### PROBLEM DETAILS
From the data below, tally each line that has "IFCSHAPEREPRESENTATION" in it, then give that tally without comment.

(Stored data)
---
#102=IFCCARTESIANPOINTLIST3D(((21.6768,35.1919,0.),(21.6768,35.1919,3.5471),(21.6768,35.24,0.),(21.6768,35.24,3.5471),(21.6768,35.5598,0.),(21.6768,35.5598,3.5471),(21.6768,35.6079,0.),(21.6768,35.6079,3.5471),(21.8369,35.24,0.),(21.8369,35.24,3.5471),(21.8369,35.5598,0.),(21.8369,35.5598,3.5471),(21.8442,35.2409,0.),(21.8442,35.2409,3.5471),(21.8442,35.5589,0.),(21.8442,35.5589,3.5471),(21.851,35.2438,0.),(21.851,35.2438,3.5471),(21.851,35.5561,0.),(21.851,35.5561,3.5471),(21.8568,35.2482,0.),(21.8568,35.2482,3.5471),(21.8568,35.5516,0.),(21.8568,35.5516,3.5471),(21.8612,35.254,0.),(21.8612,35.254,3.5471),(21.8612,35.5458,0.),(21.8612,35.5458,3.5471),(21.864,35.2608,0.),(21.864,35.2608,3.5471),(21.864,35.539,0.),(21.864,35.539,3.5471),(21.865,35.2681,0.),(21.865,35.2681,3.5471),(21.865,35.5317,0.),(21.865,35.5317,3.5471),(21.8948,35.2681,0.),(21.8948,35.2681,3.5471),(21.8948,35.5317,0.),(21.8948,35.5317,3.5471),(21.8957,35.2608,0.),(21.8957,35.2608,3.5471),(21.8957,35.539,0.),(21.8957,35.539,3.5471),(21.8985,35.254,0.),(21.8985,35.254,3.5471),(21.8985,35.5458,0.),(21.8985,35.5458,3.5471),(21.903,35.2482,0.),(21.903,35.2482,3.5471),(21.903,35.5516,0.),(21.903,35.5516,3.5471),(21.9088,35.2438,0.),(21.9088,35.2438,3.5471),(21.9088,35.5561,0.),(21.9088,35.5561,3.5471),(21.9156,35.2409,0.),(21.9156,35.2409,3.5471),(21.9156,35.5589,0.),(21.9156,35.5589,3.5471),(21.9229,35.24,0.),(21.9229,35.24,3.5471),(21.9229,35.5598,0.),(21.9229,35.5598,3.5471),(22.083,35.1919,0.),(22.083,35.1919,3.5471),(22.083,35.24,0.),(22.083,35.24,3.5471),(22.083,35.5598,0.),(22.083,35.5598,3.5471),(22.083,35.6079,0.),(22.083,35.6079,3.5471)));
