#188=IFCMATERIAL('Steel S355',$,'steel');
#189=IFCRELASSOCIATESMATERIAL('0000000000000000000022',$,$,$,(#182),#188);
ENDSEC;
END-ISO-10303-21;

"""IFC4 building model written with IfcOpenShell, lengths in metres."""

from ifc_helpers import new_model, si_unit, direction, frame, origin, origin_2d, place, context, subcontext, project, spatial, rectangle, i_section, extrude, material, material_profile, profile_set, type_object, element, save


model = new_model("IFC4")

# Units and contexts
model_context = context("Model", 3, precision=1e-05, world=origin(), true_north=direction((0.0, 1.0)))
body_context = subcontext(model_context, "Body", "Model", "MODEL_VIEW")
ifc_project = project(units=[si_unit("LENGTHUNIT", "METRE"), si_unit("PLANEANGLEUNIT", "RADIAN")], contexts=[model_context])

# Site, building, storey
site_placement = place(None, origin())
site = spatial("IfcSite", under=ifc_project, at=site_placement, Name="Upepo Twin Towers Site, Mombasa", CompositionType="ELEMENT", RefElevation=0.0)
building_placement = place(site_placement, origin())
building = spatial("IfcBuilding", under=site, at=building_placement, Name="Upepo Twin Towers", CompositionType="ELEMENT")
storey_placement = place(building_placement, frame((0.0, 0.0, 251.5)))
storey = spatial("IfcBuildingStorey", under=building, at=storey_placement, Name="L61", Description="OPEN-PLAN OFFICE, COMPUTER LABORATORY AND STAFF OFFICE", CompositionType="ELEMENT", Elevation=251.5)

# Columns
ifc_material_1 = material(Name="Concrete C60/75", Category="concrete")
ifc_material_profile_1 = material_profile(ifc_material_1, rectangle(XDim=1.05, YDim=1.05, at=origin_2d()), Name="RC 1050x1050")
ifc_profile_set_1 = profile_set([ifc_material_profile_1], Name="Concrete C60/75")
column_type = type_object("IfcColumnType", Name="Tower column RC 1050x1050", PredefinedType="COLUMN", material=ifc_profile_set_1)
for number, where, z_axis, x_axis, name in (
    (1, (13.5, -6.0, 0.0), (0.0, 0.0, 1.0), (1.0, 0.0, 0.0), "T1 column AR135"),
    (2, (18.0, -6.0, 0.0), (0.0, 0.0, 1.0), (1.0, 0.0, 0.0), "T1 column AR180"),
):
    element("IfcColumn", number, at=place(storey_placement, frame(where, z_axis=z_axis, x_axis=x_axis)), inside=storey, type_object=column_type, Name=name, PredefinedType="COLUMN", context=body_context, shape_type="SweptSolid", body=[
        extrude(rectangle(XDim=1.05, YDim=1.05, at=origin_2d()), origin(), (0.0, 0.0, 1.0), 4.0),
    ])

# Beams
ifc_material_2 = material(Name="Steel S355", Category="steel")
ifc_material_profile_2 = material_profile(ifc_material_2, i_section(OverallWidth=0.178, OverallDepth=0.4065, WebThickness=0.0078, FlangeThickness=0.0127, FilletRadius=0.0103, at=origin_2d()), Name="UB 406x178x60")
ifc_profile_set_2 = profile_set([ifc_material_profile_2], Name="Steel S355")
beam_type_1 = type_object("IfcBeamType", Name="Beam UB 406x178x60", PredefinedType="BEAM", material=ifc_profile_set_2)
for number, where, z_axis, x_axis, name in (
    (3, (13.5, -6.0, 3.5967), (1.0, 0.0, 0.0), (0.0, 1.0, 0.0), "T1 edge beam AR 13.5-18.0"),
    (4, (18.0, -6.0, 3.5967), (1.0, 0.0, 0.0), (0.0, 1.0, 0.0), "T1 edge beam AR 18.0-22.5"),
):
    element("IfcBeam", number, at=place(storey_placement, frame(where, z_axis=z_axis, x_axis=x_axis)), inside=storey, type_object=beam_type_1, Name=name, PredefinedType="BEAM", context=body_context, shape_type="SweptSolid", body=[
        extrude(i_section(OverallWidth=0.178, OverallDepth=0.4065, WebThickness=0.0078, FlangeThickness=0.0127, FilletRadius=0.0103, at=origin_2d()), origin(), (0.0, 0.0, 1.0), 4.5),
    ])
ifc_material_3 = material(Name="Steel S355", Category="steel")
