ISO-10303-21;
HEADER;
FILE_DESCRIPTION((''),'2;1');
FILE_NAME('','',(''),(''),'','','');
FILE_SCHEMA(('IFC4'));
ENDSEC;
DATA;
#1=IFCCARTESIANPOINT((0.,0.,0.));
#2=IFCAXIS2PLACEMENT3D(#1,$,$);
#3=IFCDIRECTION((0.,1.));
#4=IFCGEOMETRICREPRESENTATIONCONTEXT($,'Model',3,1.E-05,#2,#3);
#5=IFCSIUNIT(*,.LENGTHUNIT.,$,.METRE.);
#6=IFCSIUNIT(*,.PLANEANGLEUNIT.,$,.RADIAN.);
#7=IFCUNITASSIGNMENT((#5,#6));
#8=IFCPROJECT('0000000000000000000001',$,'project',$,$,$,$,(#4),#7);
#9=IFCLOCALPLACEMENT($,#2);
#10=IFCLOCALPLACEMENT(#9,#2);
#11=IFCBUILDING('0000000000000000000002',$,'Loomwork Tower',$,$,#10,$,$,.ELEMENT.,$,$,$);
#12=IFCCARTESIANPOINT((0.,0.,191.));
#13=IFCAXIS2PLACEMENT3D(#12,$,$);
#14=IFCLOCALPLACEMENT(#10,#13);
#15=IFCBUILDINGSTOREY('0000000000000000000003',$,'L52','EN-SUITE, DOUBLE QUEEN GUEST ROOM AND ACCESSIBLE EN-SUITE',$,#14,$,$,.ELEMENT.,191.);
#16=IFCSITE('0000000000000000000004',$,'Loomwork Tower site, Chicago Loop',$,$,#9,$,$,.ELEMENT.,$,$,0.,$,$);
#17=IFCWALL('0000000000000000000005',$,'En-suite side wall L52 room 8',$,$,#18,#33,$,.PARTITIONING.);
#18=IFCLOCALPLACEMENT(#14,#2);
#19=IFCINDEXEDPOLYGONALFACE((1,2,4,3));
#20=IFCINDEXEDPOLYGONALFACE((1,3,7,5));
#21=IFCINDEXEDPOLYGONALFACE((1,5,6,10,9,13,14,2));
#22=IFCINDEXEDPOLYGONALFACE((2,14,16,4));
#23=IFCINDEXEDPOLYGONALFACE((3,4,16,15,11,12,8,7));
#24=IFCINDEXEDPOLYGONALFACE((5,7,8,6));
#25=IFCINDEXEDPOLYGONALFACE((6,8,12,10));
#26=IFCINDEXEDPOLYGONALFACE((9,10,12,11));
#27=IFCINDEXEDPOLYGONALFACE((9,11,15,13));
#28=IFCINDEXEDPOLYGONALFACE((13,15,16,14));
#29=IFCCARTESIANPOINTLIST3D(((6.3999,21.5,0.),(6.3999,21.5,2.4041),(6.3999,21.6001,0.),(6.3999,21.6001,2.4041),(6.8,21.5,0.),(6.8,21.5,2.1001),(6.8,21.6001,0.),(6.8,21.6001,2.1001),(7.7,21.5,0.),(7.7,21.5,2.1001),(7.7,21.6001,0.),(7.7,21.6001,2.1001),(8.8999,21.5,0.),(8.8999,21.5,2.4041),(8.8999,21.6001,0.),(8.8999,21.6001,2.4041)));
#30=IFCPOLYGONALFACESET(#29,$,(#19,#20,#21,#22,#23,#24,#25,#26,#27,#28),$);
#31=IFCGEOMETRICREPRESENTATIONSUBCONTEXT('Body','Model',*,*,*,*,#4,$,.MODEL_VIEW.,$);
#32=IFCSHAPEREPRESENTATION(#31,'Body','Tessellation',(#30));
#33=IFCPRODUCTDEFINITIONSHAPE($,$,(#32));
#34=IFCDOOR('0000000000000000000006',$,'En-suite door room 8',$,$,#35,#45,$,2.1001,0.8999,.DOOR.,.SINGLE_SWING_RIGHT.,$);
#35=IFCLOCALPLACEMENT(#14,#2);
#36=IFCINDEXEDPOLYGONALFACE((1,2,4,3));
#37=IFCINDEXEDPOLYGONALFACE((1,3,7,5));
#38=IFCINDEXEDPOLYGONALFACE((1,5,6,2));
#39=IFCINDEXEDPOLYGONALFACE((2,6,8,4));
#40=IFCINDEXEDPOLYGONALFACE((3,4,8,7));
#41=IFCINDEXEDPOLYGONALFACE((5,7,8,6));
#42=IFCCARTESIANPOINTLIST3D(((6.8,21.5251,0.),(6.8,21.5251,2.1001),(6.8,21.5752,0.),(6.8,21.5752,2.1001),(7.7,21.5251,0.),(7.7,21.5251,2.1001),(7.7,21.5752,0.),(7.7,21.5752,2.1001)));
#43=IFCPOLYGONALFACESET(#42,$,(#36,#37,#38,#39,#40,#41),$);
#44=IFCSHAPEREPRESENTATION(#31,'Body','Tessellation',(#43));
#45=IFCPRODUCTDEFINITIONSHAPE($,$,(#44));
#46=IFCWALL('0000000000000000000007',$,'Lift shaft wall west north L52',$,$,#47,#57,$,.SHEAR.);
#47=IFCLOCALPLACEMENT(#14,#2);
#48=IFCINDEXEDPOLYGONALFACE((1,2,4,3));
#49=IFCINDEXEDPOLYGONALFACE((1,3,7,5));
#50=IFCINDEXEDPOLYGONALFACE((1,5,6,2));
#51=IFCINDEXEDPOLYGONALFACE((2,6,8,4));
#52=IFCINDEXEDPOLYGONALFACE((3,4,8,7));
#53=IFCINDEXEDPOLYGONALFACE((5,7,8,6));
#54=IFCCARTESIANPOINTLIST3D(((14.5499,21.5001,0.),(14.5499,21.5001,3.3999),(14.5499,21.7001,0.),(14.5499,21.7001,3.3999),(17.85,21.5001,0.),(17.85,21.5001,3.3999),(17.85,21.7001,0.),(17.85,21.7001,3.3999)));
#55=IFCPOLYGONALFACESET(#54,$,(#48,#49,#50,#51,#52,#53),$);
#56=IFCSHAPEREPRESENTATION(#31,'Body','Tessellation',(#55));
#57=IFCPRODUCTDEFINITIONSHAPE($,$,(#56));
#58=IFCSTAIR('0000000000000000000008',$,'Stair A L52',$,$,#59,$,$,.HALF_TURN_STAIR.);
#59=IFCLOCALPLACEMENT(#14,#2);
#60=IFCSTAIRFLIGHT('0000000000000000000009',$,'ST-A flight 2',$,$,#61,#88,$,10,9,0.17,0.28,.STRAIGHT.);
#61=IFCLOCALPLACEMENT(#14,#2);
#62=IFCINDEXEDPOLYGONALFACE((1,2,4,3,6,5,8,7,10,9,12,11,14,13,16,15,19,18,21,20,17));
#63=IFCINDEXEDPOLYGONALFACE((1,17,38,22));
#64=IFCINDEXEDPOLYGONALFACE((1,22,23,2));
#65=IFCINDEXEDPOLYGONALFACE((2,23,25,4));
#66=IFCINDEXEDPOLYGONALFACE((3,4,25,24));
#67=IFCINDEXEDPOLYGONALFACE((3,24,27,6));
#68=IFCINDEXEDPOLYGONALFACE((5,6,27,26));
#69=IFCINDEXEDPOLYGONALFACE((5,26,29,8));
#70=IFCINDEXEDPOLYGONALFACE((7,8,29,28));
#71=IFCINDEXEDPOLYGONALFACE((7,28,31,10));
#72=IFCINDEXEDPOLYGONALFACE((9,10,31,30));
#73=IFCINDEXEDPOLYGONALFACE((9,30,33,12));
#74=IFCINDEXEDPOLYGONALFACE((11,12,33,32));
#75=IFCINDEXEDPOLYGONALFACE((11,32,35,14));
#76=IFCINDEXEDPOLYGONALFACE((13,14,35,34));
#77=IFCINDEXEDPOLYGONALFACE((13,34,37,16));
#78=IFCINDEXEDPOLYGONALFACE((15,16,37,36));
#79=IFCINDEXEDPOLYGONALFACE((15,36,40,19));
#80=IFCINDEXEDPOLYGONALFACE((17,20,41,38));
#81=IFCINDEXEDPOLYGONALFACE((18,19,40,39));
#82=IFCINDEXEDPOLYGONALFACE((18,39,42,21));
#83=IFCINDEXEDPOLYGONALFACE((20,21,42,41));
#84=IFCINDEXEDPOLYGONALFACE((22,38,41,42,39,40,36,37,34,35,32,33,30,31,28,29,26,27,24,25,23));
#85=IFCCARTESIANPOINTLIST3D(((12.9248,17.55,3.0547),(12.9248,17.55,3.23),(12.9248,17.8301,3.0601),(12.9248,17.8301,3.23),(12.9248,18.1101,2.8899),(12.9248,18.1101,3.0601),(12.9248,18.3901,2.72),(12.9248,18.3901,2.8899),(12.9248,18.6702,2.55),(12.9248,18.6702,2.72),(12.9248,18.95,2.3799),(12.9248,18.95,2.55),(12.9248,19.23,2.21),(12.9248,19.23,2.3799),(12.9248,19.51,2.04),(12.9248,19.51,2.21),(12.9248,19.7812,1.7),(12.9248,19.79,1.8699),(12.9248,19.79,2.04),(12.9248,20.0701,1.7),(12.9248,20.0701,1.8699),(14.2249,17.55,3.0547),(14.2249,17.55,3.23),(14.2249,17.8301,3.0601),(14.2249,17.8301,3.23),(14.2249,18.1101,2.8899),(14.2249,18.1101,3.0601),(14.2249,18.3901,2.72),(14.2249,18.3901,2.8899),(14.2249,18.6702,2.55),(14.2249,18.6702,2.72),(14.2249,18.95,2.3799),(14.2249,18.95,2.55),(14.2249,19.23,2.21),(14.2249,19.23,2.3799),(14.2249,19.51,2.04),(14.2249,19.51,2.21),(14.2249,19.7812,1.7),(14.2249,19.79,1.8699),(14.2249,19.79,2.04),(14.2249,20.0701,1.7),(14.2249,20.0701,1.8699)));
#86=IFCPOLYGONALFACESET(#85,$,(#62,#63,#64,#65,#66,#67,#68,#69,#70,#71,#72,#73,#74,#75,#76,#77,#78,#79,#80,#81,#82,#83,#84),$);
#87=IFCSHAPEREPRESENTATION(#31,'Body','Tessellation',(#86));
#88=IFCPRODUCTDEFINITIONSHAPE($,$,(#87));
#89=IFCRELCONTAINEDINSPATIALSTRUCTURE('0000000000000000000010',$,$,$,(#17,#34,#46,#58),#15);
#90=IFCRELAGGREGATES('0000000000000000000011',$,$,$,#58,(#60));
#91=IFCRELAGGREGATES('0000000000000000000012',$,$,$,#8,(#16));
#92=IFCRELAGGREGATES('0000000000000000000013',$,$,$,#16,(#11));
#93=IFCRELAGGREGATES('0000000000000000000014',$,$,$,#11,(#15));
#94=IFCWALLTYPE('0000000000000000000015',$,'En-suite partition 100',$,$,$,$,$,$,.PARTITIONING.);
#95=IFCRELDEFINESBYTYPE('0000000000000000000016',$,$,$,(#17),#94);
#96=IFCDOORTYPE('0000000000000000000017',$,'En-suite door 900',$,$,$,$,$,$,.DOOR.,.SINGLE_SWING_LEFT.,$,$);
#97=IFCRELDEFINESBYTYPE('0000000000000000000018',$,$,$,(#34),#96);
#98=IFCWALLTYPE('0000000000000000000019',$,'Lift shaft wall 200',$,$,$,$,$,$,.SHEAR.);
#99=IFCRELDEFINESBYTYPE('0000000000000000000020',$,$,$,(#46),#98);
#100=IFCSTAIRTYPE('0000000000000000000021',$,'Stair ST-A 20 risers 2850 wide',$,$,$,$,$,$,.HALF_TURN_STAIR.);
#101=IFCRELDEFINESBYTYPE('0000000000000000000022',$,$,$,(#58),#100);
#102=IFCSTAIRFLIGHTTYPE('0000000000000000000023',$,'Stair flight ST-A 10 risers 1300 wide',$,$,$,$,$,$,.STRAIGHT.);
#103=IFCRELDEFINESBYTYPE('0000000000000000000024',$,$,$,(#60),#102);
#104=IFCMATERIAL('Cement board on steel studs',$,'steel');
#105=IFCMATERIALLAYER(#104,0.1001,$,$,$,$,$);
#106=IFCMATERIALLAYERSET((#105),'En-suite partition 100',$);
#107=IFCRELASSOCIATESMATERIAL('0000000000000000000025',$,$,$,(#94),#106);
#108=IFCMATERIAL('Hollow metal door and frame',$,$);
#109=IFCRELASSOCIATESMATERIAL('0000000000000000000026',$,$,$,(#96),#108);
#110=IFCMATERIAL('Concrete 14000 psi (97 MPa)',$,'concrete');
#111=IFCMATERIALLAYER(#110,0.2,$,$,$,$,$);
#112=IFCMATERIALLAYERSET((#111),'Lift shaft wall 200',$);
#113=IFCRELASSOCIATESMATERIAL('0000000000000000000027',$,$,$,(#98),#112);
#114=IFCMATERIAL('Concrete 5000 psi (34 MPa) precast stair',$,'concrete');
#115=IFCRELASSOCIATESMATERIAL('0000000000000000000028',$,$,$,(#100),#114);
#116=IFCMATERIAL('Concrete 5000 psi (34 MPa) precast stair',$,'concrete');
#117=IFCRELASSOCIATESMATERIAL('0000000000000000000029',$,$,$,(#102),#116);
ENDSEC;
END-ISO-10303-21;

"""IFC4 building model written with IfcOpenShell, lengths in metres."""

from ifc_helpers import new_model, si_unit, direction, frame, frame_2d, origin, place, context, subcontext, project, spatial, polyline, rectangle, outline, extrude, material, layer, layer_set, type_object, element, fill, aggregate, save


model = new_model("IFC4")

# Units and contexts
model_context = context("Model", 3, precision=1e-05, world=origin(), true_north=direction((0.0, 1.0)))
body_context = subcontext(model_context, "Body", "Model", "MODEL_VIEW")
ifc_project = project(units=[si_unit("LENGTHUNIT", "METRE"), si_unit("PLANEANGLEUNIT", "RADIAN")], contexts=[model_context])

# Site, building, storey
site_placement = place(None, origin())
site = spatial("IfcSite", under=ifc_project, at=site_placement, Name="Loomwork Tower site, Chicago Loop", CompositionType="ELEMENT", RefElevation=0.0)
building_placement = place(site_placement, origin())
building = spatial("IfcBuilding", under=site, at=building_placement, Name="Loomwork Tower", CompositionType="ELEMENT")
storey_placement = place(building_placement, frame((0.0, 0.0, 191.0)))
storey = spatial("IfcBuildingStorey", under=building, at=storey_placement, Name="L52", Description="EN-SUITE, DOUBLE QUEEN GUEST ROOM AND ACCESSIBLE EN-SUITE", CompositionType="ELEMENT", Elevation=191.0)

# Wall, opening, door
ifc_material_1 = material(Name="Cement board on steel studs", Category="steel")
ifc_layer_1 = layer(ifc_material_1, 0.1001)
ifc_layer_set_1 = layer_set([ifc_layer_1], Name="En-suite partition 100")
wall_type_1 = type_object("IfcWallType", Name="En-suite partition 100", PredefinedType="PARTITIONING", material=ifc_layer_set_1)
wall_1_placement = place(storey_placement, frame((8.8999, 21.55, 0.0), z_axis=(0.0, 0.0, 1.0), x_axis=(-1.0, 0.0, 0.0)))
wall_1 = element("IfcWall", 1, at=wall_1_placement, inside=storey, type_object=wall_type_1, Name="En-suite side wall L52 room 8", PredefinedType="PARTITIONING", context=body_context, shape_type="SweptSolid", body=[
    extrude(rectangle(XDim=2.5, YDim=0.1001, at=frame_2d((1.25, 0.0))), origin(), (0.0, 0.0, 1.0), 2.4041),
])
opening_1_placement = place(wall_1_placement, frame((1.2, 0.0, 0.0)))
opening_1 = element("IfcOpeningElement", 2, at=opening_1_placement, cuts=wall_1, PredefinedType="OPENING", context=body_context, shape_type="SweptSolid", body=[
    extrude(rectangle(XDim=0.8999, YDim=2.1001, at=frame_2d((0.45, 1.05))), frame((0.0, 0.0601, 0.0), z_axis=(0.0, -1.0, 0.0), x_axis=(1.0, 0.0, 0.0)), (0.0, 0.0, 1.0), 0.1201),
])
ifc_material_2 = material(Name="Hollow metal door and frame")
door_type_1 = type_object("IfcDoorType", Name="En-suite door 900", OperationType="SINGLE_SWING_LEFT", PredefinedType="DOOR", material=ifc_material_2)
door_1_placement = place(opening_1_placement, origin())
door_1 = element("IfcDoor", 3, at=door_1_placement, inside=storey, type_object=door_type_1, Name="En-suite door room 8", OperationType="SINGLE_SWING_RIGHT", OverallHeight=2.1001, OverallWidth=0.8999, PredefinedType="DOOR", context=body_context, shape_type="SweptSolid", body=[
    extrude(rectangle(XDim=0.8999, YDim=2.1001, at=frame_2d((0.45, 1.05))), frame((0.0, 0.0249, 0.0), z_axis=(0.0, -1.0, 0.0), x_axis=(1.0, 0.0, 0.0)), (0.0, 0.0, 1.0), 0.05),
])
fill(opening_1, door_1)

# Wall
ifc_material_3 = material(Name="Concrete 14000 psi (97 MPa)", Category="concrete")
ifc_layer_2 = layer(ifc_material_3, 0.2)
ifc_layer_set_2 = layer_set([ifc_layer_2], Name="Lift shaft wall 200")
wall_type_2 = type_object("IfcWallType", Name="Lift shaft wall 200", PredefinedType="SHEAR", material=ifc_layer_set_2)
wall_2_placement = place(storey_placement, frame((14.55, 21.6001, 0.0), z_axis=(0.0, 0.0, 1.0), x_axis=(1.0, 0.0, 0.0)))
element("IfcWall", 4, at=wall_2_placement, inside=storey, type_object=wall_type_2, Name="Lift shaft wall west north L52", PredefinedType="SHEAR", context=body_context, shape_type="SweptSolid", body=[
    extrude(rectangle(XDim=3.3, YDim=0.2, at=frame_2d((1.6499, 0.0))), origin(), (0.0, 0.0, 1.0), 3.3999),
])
---
### SOLUTION
4